▶ _What this task involves_
Would you please copy exactly the line with "site_placement = place(None, origin())" and all lines that follow it in the data below, through the last one?

▶ _Data listing_
================================

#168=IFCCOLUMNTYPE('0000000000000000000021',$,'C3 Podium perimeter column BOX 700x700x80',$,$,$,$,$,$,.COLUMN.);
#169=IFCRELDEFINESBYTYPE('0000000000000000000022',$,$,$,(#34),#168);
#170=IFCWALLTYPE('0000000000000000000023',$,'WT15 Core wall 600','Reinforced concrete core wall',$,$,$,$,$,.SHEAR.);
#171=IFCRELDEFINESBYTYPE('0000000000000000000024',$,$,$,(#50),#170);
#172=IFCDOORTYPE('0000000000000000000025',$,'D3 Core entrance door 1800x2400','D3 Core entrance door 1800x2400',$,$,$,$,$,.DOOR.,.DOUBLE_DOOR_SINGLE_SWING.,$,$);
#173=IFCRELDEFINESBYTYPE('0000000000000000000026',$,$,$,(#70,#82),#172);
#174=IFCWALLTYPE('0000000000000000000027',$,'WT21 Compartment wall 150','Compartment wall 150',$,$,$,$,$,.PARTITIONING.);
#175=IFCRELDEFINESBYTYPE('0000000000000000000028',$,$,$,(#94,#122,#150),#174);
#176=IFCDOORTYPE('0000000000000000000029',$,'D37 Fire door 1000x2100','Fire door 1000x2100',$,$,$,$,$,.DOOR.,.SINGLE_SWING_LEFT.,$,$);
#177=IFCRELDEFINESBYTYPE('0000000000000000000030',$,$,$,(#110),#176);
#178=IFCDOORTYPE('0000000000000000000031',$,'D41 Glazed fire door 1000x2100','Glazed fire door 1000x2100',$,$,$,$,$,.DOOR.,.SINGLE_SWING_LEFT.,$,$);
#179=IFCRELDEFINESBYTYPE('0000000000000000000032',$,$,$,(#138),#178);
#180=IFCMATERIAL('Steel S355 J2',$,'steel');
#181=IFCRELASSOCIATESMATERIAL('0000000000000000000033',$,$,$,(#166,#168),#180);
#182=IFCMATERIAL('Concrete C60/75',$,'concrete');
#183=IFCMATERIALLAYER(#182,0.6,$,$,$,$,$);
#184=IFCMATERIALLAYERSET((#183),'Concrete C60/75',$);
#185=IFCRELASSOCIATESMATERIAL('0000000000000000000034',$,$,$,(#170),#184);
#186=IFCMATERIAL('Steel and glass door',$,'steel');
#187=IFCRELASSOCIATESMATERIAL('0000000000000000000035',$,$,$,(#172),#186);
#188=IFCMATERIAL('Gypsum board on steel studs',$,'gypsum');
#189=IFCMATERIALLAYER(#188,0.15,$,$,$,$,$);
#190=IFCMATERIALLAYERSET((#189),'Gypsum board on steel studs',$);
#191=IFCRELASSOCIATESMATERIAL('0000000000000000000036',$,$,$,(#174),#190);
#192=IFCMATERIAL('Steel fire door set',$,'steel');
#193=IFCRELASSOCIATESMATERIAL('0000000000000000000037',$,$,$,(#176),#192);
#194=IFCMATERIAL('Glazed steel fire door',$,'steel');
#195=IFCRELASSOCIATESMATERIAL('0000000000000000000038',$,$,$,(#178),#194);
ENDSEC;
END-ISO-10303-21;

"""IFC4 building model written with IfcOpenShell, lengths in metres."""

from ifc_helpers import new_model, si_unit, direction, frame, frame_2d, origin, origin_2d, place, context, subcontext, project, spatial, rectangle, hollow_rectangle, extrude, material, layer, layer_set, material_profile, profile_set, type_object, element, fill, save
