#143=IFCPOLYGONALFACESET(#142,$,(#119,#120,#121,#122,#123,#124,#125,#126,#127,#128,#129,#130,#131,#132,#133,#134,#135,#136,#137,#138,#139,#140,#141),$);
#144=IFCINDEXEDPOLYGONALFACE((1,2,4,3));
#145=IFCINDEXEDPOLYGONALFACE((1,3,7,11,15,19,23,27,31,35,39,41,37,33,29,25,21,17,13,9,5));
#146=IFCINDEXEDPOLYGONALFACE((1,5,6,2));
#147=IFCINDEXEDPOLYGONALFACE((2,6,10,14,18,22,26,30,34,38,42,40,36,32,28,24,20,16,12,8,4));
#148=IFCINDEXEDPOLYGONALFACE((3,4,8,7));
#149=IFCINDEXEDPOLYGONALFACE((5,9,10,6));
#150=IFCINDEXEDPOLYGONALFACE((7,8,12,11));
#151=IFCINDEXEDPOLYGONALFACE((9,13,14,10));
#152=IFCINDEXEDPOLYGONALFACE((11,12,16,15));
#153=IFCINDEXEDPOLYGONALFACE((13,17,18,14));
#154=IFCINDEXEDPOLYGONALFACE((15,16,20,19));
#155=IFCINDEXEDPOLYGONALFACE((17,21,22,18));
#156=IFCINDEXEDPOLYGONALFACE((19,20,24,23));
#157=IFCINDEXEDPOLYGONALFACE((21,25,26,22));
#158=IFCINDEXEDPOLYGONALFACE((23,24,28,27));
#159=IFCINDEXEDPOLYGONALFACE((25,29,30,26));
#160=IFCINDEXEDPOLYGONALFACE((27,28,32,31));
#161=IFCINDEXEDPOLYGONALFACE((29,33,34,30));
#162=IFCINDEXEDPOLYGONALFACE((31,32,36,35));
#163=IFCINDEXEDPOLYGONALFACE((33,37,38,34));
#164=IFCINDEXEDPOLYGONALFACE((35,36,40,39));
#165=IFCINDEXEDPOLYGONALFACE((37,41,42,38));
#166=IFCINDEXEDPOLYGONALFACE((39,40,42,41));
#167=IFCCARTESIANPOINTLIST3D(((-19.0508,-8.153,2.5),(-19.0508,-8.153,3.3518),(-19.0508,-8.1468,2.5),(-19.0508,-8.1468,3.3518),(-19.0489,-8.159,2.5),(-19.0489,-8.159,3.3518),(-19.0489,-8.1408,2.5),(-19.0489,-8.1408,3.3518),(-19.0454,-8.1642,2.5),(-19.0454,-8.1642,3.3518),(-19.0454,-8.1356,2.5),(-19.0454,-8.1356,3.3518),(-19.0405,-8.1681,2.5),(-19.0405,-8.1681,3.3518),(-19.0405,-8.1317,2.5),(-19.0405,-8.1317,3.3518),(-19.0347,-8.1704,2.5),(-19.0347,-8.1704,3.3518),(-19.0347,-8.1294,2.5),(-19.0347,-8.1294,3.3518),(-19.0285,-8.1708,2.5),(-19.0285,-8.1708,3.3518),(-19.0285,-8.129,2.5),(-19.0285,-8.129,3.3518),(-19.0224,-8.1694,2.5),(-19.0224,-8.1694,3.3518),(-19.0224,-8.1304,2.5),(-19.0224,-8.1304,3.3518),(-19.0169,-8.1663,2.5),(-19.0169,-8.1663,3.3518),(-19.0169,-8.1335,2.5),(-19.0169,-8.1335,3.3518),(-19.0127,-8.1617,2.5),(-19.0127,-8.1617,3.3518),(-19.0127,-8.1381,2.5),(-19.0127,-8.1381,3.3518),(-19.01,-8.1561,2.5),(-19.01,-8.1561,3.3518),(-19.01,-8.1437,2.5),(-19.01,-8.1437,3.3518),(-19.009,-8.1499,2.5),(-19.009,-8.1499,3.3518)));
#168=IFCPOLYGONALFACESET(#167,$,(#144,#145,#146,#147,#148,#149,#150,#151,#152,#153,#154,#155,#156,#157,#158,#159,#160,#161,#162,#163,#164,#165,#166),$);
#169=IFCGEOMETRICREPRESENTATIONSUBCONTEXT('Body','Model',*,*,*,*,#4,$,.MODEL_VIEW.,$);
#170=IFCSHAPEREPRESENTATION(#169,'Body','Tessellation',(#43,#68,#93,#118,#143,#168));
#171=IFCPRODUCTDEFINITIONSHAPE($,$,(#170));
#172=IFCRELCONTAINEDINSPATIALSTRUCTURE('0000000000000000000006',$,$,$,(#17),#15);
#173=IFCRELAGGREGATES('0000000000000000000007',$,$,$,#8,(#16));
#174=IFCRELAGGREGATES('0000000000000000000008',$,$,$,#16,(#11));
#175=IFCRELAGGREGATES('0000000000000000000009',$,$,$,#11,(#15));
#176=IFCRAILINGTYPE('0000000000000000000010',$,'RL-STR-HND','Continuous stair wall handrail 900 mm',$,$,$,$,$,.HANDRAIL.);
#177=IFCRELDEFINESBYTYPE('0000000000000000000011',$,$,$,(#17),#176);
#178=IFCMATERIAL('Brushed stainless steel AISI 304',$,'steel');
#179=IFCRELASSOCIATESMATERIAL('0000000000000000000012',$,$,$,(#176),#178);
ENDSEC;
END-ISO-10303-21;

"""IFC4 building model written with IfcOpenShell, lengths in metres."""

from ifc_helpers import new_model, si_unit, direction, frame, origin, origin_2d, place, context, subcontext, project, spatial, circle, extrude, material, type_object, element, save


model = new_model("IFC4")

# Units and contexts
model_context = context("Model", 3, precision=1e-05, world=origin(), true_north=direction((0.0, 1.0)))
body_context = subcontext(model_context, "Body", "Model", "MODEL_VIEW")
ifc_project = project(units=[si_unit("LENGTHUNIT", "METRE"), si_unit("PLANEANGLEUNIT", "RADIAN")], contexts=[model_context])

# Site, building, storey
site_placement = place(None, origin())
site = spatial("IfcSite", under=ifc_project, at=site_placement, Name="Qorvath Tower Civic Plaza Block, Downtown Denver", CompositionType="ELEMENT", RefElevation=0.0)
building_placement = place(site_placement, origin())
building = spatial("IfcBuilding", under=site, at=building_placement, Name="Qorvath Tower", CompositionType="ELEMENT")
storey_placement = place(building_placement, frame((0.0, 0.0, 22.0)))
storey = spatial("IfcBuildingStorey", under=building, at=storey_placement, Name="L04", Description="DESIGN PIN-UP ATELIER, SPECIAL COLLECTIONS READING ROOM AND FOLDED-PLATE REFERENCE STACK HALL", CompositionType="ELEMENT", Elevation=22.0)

================================

▶ _Expected answer_
site_placement = place(None, origin())
site = spatial("IfcSite", under=ifc_project, at=site_placement, Name="Qorvath Tower Civic Plaza Block, Downtown Denver", CompositionType="ELEMENT", RefElevation=0.0)
building_placement = place(site_placement, origin())
building = spatial("IfcBuilding", under=site, at=building_placement, Name="Qorvath Tower", CompositionType="ELEMENT")
storey_placement = place(building_placement, frame((0.0, 0.0, 22.0)))
storey = spatial("IfcBuildingStorey", under=building, at=storey_placement, Name="L04", Description="DESIGN PIN-UP ATELIER, SPECIAL COLLECTIONS READING ROOM AND FOLDED-PLATE REFERENCE STACK HALL", CompositionType="ELEMENT", Elevation=22.0)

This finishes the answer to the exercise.